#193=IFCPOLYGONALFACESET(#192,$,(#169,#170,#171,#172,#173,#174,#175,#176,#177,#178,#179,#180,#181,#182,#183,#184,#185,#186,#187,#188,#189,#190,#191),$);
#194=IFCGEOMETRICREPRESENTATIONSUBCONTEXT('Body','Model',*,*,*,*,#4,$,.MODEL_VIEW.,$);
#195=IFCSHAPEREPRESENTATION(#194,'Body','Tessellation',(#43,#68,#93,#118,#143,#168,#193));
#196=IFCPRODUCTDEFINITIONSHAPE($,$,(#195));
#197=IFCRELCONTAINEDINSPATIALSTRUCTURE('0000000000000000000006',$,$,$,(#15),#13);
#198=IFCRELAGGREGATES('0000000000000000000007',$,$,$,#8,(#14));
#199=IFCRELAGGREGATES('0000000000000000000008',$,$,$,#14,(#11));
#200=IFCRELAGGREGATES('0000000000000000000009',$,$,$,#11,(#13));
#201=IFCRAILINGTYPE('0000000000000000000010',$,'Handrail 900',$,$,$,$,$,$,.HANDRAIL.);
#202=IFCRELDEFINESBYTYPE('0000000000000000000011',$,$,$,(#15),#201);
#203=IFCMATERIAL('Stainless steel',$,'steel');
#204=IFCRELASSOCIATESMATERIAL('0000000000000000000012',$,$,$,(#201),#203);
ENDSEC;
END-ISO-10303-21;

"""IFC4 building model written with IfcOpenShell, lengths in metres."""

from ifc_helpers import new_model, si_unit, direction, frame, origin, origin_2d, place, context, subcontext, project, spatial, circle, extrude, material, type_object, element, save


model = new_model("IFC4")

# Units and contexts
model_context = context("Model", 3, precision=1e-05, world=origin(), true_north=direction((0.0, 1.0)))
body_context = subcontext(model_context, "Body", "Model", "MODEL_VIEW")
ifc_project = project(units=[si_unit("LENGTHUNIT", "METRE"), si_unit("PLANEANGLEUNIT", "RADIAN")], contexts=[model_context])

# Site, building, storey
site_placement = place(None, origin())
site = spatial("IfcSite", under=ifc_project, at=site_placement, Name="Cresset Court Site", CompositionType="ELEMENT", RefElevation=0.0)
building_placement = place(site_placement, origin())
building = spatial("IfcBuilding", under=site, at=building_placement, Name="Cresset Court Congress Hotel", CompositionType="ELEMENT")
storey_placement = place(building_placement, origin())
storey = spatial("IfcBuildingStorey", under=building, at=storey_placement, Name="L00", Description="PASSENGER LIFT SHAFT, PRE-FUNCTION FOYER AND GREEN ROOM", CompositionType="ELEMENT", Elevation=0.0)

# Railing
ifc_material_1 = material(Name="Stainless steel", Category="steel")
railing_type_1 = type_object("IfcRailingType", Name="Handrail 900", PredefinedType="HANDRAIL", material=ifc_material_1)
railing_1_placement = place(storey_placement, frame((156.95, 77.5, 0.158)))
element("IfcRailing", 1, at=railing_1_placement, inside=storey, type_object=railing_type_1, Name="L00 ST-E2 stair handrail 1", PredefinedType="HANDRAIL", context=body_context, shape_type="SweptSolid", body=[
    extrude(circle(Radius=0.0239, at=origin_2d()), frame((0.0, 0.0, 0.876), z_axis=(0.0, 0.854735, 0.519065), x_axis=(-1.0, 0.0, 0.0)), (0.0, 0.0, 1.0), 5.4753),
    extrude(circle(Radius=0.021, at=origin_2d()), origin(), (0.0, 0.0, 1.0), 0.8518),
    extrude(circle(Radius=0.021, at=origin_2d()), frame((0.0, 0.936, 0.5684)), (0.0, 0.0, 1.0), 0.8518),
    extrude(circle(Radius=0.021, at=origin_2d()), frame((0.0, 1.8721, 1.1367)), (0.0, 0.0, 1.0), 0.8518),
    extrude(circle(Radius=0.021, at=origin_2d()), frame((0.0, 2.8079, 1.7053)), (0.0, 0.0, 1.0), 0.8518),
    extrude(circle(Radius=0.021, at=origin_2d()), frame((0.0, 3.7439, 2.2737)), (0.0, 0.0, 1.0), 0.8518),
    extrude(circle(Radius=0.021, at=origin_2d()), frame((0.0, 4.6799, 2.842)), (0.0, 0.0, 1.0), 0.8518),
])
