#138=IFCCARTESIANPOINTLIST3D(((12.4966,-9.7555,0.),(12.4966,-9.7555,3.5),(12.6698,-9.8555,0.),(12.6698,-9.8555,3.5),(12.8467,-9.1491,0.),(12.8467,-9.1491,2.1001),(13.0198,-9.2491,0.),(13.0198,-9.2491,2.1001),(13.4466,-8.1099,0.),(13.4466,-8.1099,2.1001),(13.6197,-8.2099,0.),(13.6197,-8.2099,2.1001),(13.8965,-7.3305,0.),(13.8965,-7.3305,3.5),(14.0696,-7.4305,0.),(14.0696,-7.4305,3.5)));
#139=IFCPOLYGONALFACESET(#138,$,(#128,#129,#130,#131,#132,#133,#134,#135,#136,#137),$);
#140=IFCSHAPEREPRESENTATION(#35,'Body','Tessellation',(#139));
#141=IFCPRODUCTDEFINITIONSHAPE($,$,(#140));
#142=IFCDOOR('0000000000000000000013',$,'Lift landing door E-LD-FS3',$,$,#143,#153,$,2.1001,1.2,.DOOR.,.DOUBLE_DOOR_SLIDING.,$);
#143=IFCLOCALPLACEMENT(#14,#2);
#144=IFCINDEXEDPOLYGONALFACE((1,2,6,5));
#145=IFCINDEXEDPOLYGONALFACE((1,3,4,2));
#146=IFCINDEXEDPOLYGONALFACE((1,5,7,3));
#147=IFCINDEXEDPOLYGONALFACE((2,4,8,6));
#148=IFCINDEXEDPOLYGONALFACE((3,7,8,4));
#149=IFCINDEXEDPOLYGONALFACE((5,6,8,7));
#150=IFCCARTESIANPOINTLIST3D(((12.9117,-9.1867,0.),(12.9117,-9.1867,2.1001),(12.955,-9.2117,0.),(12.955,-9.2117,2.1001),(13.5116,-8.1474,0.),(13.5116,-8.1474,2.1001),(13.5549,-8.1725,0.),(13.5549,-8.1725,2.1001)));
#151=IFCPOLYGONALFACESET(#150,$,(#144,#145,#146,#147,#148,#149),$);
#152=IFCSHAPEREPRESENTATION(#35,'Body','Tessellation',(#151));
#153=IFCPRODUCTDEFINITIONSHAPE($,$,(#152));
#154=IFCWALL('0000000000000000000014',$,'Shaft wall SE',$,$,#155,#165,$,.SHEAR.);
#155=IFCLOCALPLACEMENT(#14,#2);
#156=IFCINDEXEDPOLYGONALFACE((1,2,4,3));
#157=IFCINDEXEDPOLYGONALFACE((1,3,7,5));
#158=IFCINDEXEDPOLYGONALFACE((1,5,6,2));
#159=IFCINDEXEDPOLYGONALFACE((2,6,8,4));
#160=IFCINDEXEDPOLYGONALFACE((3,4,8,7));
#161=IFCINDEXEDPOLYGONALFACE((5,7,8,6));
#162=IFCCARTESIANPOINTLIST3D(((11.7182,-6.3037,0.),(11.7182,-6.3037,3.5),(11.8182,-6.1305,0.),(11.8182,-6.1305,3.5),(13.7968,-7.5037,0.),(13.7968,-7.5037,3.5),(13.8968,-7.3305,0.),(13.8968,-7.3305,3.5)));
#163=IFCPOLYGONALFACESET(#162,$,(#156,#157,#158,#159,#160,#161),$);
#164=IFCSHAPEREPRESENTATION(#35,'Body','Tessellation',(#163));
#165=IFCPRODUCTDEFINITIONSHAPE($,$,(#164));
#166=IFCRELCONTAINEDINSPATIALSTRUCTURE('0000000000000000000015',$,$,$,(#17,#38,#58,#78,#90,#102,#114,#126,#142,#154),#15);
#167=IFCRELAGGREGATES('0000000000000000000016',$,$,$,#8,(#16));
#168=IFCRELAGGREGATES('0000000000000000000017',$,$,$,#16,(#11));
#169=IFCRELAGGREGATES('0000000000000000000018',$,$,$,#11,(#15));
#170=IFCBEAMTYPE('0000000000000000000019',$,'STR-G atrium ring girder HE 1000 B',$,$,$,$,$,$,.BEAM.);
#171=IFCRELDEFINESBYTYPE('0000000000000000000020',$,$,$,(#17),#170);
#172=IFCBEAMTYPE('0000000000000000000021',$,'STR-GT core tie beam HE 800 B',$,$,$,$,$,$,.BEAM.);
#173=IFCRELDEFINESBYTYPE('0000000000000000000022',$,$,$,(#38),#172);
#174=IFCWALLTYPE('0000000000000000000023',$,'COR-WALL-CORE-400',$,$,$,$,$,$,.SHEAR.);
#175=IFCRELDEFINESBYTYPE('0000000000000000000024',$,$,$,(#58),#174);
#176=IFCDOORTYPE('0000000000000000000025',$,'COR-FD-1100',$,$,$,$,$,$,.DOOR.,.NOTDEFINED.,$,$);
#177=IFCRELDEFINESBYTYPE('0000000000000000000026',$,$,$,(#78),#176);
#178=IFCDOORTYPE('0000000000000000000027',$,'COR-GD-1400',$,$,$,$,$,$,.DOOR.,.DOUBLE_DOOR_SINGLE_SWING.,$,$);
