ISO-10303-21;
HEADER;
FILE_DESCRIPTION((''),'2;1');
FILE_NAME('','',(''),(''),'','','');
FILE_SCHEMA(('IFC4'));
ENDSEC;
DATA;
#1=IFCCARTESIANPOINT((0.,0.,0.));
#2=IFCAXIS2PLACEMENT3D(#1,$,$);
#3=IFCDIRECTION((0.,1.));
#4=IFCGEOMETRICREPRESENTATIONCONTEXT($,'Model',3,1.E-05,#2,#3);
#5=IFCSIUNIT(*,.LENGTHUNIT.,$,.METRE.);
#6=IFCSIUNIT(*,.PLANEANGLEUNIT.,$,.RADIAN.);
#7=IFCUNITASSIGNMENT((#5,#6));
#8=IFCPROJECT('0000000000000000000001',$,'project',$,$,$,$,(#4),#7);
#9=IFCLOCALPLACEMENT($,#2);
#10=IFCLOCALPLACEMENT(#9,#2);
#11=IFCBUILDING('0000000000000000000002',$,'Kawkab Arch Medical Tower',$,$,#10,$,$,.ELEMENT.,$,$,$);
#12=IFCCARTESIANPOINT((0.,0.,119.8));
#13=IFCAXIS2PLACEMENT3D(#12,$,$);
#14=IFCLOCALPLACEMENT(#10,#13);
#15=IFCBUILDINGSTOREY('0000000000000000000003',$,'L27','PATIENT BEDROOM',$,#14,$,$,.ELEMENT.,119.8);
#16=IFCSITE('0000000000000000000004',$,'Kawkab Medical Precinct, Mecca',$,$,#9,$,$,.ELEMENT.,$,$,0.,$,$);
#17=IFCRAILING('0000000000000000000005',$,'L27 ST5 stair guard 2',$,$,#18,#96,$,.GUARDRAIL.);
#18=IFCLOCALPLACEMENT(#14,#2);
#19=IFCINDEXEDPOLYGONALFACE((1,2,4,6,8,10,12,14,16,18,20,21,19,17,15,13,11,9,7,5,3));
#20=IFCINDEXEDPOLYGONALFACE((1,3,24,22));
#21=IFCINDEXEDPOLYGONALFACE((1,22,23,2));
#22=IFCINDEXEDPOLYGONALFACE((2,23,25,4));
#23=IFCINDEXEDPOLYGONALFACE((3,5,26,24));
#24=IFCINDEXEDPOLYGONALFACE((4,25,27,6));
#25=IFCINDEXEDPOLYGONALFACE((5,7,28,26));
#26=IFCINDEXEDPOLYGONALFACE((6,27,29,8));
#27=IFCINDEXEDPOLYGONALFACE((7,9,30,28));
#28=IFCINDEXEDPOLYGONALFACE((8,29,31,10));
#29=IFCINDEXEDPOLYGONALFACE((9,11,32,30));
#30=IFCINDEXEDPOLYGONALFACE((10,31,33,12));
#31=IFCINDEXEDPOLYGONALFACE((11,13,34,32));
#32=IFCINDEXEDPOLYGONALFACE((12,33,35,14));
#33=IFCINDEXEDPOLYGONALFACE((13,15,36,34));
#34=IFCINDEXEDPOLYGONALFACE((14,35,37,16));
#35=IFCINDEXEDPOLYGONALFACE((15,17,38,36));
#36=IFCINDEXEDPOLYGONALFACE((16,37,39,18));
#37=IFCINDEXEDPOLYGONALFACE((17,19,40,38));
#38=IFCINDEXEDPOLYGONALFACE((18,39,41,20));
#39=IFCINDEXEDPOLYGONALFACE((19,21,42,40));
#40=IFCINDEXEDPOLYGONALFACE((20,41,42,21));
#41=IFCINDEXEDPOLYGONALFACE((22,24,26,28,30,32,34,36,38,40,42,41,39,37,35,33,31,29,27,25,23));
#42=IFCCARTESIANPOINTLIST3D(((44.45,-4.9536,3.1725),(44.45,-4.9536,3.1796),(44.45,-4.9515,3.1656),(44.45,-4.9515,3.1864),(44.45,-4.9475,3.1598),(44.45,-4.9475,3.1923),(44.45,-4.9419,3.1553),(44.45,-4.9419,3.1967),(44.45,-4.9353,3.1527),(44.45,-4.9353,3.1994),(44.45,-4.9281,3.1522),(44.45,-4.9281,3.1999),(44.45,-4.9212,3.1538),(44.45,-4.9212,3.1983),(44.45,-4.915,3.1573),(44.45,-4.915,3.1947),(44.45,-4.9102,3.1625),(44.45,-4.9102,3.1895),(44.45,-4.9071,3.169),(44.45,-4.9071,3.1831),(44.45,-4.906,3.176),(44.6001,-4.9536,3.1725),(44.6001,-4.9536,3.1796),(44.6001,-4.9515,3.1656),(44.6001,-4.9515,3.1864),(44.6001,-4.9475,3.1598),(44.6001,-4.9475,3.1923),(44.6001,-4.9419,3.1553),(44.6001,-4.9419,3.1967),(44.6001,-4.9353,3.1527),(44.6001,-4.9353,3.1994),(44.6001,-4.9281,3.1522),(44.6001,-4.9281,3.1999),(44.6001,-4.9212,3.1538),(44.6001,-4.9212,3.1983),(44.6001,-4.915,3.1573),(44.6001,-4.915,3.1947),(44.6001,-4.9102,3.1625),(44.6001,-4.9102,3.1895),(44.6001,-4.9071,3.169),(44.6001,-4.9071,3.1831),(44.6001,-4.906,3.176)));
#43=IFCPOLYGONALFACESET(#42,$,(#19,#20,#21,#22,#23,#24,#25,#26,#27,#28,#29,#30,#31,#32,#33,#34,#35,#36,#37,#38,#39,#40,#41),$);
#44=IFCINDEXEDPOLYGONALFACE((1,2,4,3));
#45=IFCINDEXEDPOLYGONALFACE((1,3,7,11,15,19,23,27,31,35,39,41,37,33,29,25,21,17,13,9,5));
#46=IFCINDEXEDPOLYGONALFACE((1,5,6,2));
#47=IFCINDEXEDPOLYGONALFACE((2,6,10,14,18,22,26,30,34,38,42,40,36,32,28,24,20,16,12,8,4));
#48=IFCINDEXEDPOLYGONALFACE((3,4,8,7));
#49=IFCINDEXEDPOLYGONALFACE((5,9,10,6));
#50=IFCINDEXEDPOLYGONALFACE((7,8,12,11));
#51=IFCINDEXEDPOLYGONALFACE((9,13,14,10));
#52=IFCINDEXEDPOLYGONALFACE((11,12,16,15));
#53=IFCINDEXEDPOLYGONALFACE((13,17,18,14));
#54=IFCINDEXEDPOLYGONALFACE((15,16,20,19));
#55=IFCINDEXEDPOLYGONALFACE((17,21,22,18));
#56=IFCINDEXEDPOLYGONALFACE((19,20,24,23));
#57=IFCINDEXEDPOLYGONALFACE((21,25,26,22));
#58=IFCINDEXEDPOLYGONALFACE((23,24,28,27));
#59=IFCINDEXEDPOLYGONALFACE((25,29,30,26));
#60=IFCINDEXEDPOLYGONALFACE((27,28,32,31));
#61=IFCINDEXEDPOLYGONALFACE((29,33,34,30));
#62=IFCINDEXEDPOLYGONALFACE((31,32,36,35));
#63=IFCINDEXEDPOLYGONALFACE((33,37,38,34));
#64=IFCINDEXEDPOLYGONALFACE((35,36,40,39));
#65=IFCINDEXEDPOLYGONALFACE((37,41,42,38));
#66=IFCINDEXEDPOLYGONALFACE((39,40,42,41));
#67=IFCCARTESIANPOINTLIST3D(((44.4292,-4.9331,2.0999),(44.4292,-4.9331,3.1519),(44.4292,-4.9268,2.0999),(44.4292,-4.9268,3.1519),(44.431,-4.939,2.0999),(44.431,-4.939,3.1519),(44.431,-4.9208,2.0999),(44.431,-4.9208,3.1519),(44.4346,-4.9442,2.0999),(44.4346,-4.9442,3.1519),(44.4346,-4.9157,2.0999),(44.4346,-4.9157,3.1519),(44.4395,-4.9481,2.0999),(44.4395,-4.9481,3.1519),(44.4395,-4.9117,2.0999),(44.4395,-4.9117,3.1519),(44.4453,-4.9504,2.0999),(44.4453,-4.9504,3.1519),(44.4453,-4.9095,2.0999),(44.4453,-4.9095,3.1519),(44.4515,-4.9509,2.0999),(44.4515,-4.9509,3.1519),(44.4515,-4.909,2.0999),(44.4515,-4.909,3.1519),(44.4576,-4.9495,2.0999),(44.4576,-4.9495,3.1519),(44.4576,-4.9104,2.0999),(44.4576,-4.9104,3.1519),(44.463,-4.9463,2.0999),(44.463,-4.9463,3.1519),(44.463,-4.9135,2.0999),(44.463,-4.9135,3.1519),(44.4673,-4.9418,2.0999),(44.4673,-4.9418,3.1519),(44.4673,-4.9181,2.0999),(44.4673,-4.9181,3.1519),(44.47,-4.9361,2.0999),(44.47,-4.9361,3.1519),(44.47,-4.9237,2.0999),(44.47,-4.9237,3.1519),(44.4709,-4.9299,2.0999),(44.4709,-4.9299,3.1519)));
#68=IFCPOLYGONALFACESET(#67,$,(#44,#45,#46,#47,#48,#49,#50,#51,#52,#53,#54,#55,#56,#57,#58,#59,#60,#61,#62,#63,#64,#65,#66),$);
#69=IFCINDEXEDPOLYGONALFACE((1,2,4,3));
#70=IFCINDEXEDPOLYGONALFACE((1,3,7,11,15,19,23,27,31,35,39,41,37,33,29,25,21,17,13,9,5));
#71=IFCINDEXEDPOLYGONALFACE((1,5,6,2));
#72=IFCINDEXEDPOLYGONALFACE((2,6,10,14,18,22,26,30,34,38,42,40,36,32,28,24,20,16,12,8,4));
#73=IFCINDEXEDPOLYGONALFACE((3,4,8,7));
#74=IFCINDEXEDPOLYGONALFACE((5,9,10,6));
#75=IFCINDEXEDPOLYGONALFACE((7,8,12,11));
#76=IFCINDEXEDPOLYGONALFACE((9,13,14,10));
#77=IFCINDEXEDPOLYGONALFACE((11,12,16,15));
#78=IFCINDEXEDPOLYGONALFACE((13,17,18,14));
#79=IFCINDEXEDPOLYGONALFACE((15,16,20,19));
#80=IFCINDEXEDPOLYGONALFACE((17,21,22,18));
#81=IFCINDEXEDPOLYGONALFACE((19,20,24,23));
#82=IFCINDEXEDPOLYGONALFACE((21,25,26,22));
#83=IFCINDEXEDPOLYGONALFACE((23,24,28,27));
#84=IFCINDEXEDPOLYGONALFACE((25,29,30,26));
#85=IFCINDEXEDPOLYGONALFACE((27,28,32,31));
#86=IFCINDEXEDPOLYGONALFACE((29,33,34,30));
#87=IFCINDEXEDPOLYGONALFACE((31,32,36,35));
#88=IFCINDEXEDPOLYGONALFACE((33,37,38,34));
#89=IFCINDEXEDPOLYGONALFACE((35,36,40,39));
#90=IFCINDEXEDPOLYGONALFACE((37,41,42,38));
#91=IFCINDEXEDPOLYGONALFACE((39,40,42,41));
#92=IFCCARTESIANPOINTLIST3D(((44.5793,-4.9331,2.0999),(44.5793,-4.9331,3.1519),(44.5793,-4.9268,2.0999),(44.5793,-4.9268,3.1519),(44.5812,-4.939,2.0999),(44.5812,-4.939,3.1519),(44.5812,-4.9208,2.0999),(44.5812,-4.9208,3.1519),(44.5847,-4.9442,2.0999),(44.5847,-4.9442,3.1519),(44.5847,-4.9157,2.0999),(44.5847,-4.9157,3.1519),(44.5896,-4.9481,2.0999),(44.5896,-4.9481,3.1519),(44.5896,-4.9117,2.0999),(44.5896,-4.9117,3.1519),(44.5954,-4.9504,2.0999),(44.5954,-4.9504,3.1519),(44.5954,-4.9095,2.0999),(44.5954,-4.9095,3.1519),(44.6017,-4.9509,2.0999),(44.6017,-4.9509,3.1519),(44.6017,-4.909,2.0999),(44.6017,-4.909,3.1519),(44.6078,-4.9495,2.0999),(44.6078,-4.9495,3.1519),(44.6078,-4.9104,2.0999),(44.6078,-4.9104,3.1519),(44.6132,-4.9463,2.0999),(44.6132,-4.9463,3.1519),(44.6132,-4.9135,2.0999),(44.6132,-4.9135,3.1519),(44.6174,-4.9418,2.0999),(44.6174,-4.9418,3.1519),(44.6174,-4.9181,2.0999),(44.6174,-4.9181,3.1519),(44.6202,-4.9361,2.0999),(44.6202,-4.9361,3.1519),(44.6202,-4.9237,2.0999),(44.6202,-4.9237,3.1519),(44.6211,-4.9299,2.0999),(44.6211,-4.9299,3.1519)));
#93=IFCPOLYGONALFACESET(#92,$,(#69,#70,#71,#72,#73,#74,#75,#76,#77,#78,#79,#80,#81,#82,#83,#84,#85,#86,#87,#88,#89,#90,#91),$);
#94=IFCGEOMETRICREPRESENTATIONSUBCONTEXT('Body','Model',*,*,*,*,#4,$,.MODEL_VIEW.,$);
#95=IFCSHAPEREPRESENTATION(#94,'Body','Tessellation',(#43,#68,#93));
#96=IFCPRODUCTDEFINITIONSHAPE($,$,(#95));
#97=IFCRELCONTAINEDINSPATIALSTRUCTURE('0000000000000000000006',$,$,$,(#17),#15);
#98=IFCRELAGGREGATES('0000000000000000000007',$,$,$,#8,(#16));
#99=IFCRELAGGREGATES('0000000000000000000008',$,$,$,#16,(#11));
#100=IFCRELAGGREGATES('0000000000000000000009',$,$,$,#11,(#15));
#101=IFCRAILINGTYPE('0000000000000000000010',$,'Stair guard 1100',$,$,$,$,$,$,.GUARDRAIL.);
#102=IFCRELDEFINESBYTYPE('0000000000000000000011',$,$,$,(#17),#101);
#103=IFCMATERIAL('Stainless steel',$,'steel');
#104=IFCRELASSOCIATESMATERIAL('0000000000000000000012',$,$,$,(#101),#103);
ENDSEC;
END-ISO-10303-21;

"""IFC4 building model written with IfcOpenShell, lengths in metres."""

from ifc_helpers import new_model, si_unit, direction, frame, origin, origin_2d, place, context, subcontext, project, spatial, circle, extrude, material, type_object, element, save


model = new_model("IFC4")

# Units and contexts
model_context = context("Model", 3, precision=1e-05, world=origin(), true_north=direction((0.0, 1.0)))
body_context = subcontext(model_context, "Body", "Model", "MODEL_VIEW")
ifc_project = project(units=[si_unit("LENGTHUNIT", "METRE"), si_unit("PLANEANGLEUNIT", "RADIAN")], contexts=[model_context])

# Site, building, storey
site_placement = place(None, origin())
site = spatial("IfcSite", under=ifc_project, at=site_placement, Name="Kawkab Medical Precinct, Mecca", CompositionType="ELEMENT", RefElevation=0.0)
building_placement = place(site_placement, origin())
building = spatial("IfcBuilding", under=site, at=building_placement, Name="Kawkab Arch Medical Tower", CompositionType="ELEMENT")
storey_placement = place(building_placement, frame((0.0, 0.0, 119.8)))
storey = spatial("IfcBuildingStorey", under=building, at=storey_placement, Name="L27", Description="PATIENT BEDROOM", CompositionType="ELEMENT", Elevation=119.8)

# Railing
ifc_material_1 = material(Name="Stainless steel", Category="steel")
railing_type = type_object("IfcRailingType", Name="Stair guard 1100", PredefinedType="GUARDRAIL", material=ifc_material_1)
railing_1_placement = place(storey_placement, frame((44.45, -4.9299, 2.0999)))
element("IfcRailing", 1, at=railing_1_placement, inside=storey, type_object=railing_type, Name="L27 ST5 stair guard 2", PredefinedType="GUARDRAIL", context=body_context, shape_type="SweptSolid", body=[
    extrude(circle(Radius=0.0239, at=origin_2d()), frame((0.0, 0.0, 1.0762), z_axis=(1.0, 0.0, 0.0), x_axis=(0.0, 1.0, 0.0)), (0.0, 0.0, 1.0), 0.1501),
    extrude(circle(Radius=0.021, at=origin_2d()), origin(), (0.0, 0.0, 1.0), 1.052),
    extrude(circle(Radius=0.021, at=origin_2d()), frame((0.1501, 0.0, 0.0)), (0.0, 0.0, 1.0), 1.052),
])

save(model, "model.ifc")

◇ ◇ ◇ ◇ ◇

Task item
In the material above, find the line containing "#141=IFCPRODUCTDEFINITIONSHAPE($,$,(#140));" and the line containing "#149=IFCINDEXEDPOLYGONALFACE((5,6,8,7));", then write out exactly those two lines and every line between them, and nothing more.

Solution for this task
#141=IFCPRODUCTDEFINITIONSHAPE($,$,(#140));
#142=IFCDOOR('0000000000000000000013',$,'Lift landing door E-LD-FS3',$,$,#143,#153,$,2.1001,1.2,.DOOR.,.DOUBLE_DOOR_SLIDING.,$);
#143=IFCLOCALPLACEMENT(#14,#2);
#144=IFCINDEXEDPOLYGONALFACE((1,2,6,5));
#145=IFCINDEXEDPOLYGONALFACE((1,3,4,2));
#146=IFCINDEXEDPOLYGONALFACE((1,5,7,3));
#147=IFCINDEXEDPOLYGONALFACE((2,4,8,6));
#148=IFCINDEXEDPOLYGONALFACE((3,7,8,4));
#149=IFCINDEXEDPOLYGONALFACE((5,6,8,7));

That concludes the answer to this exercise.